#### [Extracted material]
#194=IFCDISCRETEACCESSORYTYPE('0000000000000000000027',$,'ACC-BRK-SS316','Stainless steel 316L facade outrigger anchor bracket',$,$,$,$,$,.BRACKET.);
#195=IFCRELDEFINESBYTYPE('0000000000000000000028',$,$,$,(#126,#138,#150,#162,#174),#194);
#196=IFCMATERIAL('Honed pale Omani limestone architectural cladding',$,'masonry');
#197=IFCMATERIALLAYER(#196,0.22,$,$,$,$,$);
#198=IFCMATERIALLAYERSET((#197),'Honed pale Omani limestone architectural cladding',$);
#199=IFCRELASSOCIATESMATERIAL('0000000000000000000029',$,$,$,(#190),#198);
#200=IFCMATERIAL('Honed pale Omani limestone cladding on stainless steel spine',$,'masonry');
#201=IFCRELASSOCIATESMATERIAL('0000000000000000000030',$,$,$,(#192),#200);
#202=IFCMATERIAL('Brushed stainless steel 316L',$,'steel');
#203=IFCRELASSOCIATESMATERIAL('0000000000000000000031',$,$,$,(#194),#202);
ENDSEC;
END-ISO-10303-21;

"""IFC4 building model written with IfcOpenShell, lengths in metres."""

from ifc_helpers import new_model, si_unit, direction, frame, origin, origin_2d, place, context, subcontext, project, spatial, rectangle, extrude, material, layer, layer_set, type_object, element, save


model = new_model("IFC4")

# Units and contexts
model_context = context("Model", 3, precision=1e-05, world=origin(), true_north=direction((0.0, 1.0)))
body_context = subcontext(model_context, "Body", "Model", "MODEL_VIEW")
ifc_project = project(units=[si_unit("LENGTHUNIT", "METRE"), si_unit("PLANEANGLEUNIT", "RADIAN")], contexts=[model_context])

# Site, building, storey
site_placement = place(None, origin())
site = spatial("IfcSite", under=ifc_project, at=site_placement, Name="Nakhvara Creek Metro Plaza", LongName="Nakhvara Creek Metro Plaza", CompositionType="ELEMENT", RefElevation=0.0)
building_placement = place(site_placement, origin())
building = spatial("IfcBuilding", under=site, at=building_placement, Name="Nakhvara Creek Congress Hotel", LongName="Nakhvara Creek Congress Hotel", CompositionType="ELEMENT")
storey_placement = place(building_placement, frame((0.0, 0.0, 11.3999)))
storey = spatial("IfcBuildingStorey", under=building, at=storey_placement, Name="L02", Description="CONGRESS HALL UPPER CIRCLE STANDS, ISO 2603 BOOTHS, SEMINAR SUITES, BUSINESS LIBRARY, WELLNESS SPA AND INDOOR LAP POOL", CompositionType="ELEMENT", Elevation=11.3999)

#### [Exercise instructions]
Would you transcribe every entry exactly, leaving nothing out?

#### [Answer]
#194=IFCDISCRETEACCESSORYTYPE('0000000000000000000027',$,'ACC-BRK-SS316','Stainless steel 316L facade outrigger anchor bracket',$,$,$,$,$,.BRACKET.);
#195=IFCRELDEFINESBYTYPE('0000000000000000000028',$,$,$,(#126,#138,#150,#162,#174),#194);
#196=IFCMATERIAL('Honed pale Omani limestone architectural cladding',$,'masonry');
#197=IFCMATERIALLAYER(#196,0.22,$,$,$,$,$);
#198=IFCMATERIALLAYERSET((#197),'Honed pale Omani limestone architectural cladding',$);
#199=IFCRELASSOCIATESMATERIAL('0000000000000000000029',$,$,$,(#190),#198);
#200=IFCMATERIAL('Honed pale Omani limestone cladding on stainless steel spine',$,'masonry');
#201=IFCRELASSOCIATESMATERIAL('0000000000000000000030',$,$,$,(#192),#200);
#202=IFCMATERIAL('Brushed stainless steel 316L',$,'steel');
#203=IFCRELASSOCIATESMATERIAL('0000000000000000000031',$,$,$,(#194),#202);
ENDSEC;
END-ISO-10303-21;

"""IFC4 building model written with IfcOpenShell, lengths in metres."""

from ifc_helpers import new_model, si_unit, direction, frame, origin, origin_2d, place, context, subcontext, project, spatial, rectangle, extrude, material, layer, layer_set, type_object, element, save


model = new_model("IFC4")

# Units and contexts
model_context = context("Model", 3, precision=1e-05, world=origin(), true_north=direction((0.0, 1.0)))
body_context = subcontext(model_context, "Body", "Model", "MODEL_VIEW")
ifc_project = project(units=[si_unit("LENGTHUNIT", "METRE"), si_unit("PLANEANGLEUNIT", "RADIAN")], contexts=[model_context])

# Site, building, storey
site_placement = place(None, origin())
site = spatial("IfcSite", under=ifc_project, at=site_placement, Name="Nakhvara Creek Metro Plaza", LongName="Nakhvara Creek Metro Plaza", CompositionType="ELEMENT", RefElevation=0.0)
building_placement = place(site_placement, origin())
building = spatial("IfcBuilding", under=site, at=building_placement, Name="Nakhvara Creek Congress Hotel", LongName="Nakhvara Creek Congress Hotel", CompositionType="ELEMENT")
storey_placement = place(building_placement, frame((0.0, 0.0, 11.3999)))
storey = spatial("IfcBuildingStorey", under=building, at=storey_placement, Name="L02", Description="CONGRESS HALL UPPER CIRCLE STANDS, ISO 2603 BOOTHS, SEMINAR SUITES, BUSINESS LIBRARY, WELLNESS SPA AND INDOOR LAP POOL", CompositionType="ELEMENT", Elevation=11.3999)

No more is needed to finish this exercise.